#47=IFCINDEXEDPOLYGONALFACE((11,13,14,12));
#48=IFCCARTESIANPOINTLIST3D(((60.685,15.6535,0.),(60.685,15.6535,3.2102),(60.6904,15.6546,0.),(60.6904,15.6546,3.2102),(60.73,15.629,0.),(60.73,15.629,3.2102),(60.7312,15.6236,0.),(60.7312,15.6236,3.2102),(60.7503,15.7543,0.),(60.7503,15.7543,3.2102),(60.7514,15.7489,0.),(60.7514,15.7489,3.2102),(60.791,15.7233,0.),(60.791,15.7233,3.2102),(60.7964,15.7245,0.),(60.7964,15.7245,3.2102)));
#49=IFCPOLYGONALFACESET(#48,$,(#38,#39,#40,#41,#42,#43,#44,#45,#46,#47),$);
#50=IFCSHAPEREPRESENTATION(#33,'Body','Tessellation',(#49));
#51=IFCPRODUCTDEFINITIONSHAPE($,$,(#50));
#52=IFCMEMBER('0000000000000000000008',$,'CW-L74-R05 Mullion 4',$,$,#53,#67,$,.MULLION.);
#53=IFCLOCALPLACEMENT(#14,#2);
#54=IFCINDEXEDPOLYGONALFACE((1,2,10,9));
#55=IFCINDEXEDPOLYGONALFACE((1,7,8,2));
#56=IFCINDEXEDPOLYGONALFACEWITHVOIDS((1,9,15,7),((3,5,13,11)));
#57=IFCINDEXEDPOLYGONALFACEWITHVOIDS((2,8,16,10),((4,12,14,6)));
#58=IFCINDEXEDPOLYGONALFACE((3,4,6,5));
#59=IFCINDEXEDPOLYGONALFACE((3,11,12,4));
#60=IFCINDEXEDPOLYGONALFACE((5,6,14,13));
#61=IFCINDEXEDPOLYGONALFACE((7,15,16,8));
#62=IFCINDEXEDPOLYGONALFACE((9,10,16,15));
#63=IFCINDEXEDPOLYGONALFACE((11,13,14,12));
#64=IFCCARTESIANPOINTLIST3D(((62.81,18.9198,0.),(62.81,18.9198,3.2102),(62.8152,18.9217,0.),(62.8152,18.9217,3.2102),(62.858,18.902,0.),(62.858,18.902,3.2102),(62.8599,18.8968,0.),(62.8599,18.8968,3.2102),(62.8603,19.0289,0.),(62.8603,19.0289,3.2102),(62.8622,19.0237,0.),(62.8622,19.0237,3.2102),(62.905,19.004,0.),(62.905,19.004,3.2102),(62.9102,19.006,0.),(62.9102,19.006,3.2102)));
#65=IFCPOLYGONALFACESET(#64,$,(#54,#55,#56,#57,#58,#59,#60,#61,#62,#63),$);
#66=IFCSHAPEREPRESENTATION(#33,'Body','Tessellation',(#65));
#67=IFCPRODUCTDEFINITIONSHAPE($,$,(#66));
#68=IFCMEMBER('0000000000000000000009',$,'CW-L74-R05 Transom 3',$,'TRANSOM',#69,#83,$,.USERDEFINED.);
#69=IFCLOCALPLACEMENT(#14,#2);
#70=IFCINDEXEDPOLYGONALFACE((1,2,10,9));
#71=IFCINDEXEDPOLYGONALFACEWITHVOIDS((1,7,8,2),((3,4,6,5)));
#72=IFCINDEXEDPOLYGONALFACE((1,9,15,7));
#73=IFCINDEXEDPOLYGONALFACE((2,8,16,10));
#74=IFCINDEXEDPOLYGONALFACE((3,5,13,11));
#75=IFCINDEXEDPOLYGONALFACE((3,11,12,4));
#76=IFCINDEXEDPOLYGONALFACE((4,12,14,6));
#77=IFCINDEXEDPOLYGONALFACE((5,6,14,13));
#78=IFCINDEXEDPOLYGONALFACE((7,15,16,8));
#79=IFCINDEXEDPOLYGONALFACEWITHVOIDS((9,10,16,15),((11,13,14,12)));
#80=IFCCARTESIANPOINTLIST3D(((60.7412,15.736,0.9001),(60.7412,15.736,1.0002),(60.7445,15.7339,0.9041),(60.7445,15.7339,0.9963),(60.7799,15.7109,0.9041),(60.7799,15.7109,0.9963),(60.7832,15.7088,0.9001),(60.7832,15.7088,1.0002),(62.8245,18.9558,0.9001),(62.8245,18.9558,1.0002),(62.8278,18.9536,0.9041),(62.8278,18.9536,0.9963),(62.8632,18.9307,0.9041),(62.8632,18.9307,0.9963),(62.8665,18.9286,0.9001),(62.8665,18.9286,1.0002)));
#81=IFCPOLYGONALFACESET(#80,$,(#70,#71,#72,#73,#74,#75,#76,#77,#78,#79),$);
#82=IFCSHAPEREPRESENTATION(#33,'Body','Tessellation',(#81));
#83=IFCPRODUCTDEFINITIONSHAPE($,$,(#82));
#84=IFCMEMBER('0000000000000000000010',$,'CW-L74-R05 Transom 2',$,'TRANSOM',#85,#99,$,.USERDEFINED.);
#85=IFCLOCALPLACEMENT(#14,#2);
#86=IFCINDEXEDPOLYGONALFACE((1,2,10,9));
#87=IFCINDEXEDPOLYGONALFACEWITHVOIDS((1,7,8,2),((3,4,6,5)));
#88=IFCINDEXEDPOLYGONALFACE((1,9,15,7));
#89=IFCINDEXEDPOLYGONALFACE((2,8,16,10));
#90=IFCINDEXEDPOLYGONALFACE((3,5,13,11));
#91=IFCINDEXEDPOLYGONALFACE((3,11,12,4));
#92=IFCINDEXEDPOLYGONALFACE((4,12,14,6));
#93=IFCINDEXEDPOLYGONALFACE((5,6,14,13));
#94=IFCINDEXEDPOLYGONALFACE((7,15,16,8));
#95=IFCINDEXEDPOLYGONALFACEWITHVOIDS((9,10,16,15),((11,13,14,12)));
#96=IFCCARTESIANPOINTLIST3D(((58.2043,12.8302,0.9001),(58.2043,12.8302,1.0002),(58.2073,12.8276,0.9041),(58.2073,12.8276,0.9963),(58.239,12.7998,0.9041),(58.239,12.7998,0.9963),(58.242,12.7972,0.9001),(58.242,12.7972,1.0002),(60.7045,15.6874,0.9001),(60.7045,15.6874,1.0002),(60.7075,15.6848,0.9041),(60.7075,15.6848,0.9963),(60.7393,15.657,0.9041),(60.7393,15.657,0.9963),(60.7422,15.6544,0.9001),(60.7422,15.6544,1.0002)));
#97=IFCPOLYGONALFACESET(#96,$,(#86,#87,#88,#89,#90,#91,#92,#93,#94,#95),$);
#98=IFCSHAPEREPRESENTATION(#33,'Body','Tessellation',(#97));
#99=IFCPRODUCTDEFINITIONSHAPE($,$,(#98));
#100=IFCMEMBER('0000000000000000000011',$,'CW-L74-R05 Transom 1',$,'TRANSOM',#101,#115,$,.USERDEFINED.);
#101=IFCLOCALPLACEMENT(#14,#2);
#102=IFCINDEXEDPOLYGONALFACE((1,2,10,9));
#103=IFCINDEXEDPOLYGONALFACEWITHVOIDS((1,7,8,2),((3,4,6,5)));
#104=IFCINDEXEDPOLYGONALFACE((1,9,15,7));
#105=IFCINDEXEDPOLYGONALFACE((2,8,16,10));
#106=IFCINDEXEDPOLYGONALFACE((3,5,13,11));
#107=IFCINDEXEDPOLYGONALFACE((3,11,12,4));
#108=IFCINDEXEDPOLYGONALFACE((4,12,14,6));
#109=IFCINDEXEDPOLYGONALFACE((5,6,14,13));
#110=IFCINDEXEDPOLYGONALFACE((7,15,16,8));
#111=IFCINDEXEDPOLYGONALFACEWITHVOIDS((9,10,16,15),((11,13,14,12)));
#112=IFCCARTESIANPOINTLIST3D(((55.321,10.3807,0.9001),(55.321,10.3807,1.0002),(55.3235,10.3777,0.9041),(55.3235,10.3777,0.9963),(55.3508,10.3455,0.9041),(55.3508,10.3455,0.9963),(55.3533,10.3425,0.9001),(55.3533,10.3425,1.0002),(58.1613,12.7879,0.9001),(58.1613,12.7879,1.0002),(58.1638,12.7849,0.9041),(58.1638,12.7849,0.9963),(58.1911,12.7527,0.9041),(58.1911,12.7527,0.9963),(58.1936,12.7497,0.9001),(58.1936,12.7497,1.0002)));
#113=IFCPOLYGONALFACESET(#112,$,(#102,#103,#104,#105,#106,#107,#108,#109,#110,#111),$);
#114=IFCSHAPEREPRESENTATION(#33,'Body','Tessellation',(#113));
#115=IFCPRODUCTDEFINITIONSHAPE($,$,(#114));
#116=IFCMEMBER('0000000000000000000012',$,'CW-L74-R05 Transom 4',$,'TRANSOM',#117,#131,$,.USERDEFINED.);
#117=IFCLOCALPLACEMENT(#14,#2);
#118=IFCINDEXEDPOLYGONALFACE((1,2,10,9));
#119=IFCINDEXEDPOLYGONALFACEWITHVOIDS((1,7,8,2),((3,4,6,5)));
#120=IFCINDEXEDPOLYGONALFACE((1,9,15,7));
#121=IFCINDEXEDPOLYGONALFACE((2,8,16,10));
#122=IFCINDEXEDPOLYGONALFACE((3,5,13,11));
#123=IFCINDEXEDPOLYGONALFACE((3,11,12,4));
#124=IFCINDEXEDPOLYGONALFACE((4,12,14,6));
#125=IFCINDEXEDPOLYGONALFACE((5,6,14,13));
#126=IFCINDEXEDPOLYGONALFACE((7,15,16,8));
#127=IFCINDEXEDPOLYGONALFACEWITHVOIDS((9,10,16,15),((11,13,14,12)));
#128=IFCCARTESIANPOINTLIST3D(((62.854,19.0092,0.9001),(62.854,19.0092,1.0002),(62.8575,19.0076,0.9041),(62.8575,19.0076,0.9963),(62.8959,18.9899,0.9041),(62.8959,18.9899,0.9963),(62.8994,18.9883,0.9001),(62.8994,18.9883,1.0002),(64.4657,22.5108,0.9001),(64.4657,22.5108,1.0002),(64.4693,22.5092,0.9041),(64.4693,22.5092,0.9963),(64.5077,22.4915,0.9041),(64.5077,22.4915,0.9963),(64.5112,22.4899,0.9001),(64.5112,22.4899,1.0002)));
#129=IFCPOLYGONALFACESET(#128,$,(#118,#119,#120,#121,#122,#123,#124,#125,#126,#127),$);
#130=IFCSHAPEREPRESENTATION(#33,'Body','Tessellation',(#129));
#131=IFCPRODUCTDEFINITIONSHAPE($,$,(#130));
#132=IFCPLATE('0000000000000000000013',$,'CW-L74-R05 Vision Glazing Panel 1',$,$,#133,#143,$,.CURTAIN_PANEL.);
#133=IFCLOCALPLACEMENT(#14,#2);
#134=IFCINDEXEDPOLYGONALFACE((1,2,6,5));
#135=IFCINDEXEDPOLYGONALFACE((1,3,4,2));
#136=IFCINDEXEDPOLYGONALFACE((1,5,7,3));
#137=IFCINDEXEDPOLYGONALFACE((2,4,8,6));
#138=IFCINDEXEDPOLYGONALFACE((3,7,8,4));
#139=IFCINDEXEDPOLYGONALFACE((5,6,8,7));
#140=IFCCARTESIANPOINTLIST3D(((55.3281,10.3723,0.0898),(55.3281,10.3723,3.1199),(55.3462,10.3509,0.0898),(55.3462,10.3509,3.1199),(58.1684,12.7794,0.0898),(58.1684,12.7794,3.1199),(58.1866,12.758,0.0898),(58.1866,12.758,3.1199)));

════════

Only the lines from the start of the data to the line holding "#66=IFCSHAPEREPRESENTATION(#33,'Body','Tessellation',(#65));" are wanted; return them exactly, both ends included.

Response area
#47=IFCINDEXEDPOLYGONALFACE((11,13,14,12));
#48=IFCCARTESIANPOINTLIST3D(((60.685,15.6535,0.),(60.685,15.6535,3.2102),(60.6904,15.6546,0.),(60.6904,15.6546,3.2102),(60.73,15.629,0.),(60.73,15.629,3.2102),(60.7312,15.6236,0.),(60.7312,15.6236,3.2102),(60.7503,15.7543,0.),(60.7503,15.7543,3.2102),(60.7514,15.7489,0.),(60.7514,15.7489,3.2102),(60.791,15.7233,0.),(60.791,15.7233,3.2102),(60.7964,15.7245,0.),(60.7964,15.7245,3.2102)));
#49=IFCPOLYGONALFACESET(#48,$,(#38,#39,#40,#41,#42,#43,#44,#45,#46,#47),$);
#50=IFCSHAPEREPRESENTATION(#33,'Body','Tessellation',(#49));
#51=IFCPRODUCTDEFINITIONSHAPE($,$,(#50));
#52=IFCMEMBER('0000000000000000000008',$,'CW-L74-R05 Mullion 4',$,$,#53,#67,$,.MULLION.);
#53=IFCLOCALPLACEMENT(#14,#2);
#54=IFCINDEXEDPOLYGONALFACE((1,2,10,9));
#55=IFCINDEXEDPOLYGONALFACE((1,7,8,2));
#56=IFCINDEXEDPOLYGONALFACEWITHVOIDS((1,9,15,7),((3,5,13,11)));
#57=IFCINDEXEDPOLYGONALFACEWITHVOIDS((2,8,16,10),((4,12,14,6)));
#58=IFCINDEXEDPOLYGONALFACE((3,4,6,5));
#59=IFCINDEXEDPOLYGONALFACE((3,11,12,4));
#60=IFCINDEXEDPOLYGONALFACE((5,6,14,13));
#61=IFCINDEXEDPOLYGONALFACE((7,15,16,8));
#62=IFCINDEXEDPOLYGONALFACE((9,10,16,15));
#63=IFCINDEXEDPOLYGONALFACE((11,13,14,12));
#64=IFCCARTESIANPOINTLIST3D(((62.81,18.9198,0.),(62.81,18.9198,3.2102),(62.8152,18.9217,0.),(62.8152,18.9217,3.2102),(62.858,18.902,0.),(62.858,18.902,3.2102),(62.8599,18.8968,0.),(62.8599,18.8968,3.2102),(62.8603,19.0289,0.),(62.8603,19.0289,3.2102),(62.8622,19.0237,0.),(62.8622,19.0237,3.2102),(62.905,19.004,0.),(62.905,19.004,3.2102),(62.9102,19.006,0.),(62.9102,19.006,3.2102)));
#65=IFCPOLYGONALFACESET(#64,$,(#54,#55,#56,#57,#58,#59,#60,#61,#62,#63),$);
#66=IFCSHAPEREPRESENTATION(#33,'Body','Tessellation',(#65));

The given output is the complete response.